▸ Task item: Check each line of the data for "wall" and select those that have it.

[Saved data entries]
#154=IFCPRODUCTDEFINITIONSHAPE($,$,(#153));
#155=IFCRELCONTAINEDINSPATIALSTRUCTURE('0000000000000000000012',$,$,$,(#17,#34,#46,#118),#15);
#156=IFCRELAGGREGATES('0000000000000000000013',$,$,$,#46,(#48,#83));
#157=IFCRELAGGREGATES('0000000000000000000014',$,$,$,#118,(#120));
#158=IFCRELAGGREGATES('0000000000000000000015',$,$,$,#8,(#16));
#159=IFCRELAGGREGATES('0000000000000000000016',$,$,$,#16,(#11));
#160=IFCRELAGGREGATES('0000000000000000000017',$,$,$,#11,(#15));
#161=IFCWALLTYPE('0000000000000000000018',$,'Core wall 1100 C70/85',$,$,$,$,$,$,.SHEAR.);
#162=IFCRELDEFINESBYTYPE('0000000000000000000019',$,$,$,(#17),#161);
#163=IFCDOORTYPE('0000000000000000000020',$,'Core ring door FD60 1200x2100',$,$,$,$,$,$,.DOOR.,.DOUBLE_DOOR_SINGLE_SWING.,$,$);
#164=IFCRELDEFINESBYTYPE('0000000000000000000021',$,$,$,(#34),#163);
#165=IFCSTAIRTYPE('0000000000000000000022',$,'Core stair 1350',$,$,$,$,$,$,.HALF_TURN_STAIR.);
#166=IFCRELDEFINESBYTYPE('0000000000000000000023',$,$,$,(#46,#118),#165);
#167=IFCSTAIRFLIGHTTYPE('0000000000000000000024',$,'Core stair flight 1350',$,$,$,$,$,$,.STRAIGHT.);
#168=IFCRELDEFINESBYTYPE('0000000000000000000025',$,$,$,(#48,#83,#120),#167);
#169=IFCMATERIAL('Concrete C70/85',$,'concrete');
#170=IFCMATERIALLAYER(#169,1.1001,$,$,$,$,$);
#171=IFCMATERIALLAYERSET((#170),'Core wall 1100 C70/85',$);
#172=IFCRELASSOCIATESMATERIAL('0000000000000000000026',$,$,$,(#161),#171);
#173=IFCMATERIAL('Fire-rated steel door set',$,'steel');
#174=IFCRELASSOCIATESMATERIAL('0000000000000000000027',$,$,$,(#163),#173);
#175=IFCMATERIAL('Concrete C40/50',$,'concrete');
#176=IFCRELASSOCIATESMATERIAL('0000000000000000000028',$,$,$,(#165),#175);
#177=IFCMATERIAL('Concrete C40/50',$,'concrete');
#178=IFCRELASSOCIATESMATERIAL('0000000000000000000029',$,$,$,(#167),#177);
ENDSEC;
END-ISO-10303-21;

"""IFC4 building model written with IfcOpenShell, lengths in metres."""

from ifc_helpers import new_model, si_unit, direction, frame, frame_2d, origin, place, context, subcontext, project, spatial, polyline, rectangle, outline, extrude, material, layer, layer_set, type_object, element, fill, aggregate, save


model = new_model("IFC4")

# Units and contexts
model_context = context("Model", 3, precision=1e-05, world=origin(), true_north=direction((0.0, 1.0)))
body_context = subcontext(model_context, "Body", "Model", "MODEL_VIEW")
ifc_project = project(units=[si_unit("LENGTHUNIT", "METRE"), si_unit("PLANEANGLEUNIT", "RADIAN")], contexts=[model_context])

==

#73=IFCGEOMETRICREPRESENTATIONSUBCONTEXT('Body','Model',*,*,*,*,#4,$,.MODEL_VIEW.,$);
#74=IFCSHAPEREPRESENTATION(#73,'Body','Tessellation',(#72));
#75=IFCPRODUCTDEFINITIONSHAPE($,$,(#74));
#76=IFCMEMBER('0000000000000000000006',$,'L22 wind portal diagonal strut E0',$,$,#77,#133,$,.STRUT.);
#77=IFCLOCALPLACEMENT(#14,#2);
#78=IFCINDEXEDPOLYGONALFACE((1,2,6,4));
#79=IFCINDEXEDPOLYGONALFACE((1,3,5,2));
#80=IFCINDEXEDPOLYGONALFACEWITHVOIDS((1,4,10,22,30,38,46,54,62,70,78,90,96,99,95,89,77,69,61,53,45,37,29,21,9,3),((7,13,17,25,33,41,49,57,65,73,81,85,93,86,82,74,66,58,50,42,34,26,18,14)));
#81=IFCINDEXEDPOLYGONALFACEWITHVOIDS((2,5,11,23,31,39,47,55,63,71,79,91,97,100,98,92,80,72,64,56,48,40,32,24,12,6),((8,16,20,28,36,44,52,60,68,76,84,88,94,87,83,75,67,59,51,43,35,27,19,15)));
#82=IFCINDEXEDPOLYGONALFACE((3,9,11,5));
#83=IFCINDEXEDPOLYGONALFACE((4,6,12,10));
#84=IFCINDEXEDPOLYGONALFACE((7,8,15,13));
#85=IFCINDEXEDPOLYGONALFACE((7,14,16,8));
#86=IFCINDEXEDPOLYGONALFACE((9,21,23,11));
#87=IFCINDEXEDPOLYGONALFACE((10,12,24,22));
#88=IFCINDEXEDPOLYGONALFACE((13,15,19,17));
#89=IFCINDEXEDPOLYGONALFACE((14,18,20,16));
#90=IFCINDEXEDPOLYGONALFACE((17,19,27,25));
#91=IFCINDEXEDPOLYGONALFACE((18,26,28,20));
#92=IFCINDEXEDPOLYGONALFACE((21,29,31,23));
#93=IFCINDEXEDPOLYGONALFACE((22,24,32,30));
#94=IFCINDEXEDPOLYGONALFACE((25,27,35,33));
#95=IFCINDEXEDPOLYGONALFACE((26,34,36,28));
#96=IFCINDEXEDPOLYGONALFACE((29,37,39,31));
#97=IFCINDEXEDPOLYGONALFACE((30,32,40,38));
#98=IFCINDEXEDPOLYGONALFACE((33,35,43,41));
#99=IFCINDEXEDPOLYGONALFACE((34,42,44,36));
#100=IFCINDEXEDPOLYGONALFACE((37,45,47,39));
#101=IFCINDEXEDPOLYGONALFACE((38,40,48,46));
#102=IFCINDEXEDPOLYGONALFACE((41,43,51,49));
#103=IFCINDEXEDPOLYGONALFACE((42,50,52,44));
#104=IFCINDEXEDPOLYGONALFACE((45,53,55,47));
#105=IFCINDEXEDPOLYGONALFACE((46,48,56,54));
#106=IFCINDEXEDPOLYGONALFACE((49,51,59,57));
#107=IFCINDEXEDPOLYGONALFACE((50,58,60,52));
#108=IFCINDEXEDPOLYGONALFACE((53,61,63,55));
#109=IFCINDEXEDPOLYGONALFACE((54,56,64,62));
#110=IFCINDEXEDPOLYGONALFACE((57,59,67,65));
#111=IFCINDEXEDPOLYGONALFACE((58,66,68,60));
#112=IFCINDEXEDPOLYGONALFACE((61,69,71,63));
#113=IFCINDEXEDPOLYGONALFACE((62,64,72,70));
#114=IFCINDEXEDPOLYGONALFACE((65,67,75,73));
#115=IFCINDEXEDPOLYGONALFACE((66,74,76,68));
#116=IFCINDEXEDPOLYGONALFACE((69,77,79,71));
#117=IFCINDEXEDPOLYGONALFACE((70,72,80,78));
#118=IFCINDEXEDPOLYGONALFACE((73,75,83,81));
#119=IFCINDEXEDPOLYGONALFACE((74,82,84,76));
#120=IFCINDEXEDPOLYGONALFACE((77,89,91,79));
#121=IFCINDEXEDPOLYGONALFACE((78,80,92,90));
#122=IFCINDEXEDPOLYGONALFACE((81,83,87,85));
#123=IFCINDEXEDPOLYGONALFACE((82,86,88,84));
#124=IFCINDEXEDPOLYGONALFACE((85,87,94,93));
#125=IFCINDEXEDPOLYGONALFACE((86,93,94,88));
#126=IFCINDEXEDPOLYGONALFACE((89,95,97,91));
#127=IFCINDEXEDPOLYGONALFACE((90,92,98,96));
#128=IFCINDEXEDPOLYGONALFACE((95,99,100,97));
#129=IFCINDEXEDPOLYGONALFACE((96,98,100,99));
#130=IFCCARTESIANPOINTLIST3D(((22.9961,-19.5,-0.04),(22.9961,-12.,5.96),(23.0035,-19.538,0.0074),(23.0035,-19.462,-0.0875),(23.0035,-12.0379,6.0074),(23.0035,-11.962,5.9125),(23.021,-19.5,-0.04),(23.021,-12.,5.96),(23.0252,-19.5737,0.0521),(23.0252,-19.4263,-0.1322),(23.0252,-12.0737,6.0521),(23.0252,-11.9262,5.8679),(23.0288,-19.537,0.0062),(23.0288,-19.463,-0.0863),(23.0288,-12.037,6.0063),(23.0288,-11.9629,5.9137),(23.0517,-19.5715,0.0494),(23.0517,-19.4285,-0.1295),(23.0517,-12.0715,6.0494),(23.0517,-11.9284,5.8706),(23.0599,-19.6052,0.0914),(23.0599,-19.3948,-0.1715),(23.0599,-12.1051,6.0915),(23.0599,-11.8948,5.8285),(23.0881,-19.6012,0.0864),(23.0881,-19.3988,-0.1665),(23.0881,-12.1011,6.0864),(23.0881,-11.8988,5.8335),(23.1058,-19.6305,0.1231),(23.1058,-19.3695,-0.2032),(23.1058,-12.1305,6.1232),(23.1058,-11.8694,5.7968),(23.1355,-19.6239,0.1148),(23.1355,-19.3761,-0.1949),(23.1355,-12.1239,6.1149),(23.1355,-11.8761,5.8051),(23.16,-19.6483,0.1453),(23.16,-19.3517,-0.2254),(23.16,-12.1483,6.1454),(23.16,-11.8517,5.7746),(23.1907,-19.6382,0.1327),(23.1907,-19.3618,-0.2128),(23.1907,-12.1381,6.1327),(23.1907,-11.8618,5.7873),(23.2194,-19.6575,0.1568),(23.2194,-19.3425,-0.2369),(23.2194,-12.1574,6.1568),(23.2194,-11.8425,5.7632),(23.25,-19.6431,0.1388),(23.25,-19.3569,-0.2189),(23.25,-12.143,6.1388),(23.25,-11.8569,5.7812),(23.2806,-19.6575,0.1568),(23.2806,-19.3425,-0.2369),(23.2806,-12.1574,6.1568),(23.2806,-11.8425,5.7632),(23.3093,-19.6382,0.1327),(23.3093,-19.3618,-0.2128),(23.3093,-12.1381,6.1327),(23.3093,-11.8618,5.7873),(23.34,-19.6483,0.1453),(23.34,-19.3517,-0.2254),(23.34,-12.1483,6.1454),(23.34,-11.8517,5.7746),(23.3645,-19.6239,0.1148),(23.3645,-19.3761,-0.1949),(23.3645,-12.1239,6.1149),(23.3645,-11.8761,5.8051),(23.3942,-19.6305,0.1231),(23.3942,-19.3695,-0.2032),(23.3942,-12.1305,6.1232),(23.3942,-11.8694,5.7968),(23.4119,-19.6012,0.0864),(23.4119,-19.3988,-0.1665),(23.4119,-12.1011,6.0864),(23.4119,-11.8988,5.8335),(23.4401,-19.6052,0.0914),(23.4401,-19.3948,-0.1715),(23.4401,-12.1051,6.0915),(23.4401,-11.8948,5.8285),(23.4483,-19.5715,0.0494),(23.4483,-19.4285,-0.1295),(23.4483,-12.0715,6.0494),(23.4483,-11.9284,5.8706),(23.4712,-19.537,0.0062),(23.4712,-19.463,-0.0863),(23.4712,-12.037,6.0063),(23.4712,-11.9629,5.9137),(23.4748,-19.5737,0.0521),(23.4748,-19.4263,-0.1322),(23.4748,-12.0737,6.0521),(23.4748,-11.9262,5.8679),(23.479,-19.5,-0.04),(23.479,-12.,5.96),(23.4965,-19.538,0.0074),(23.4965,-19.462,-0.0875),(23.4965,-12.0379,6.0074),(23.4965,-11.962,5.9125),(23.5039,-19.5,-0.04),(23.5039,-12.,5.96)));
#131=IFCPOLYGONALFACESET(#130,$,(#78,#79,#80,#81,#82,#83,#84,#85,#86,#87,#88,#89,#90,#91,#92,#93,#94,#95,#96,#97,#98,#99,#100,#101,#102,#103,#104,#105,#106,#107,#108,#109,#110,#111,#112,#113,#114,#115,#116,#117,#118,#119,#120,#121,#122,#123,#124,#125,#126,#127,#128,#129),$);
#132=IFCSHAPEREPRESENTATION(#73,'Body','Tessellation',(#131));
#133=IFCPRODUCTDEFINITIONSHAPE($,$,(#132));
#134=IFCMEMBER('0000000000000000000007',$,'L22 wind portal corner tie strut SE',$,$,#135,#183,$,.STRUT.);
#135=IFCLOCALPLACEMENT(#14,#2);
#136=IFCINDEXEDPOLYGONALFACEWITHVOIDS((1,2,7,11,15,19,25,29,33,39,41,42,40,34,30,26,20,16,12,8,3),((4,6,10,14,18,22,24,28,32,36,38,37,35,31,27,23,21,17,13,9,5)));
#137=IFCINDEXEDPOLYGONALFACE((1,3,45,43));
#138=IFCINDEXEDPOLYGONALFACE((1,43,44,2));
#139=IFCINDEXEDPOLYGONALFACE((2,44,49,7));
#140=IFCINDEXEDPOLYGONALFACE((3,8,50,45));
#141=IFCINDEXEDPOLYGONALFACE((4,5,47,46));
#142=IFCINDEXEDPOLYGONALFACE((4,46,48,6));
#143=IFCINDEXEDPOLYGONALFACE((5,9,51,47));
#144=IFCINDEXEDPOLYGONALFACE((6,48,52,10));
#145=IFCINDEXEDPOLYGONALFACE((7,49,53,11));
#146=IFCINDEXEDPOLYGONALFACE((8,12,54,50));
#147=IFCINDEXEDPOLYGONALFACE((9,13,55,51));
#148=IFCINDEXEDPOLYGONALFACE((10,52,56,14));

▸ Task response:
#161=IFCWALLTYPE('0000000000000000000018',$,'Core wall 1100 C70/85',$,$,$,$,$,$,.SHEAR.);
#171=IFCMATERIALLAYERSET((#170),'Core wall 1100 C70/85',$);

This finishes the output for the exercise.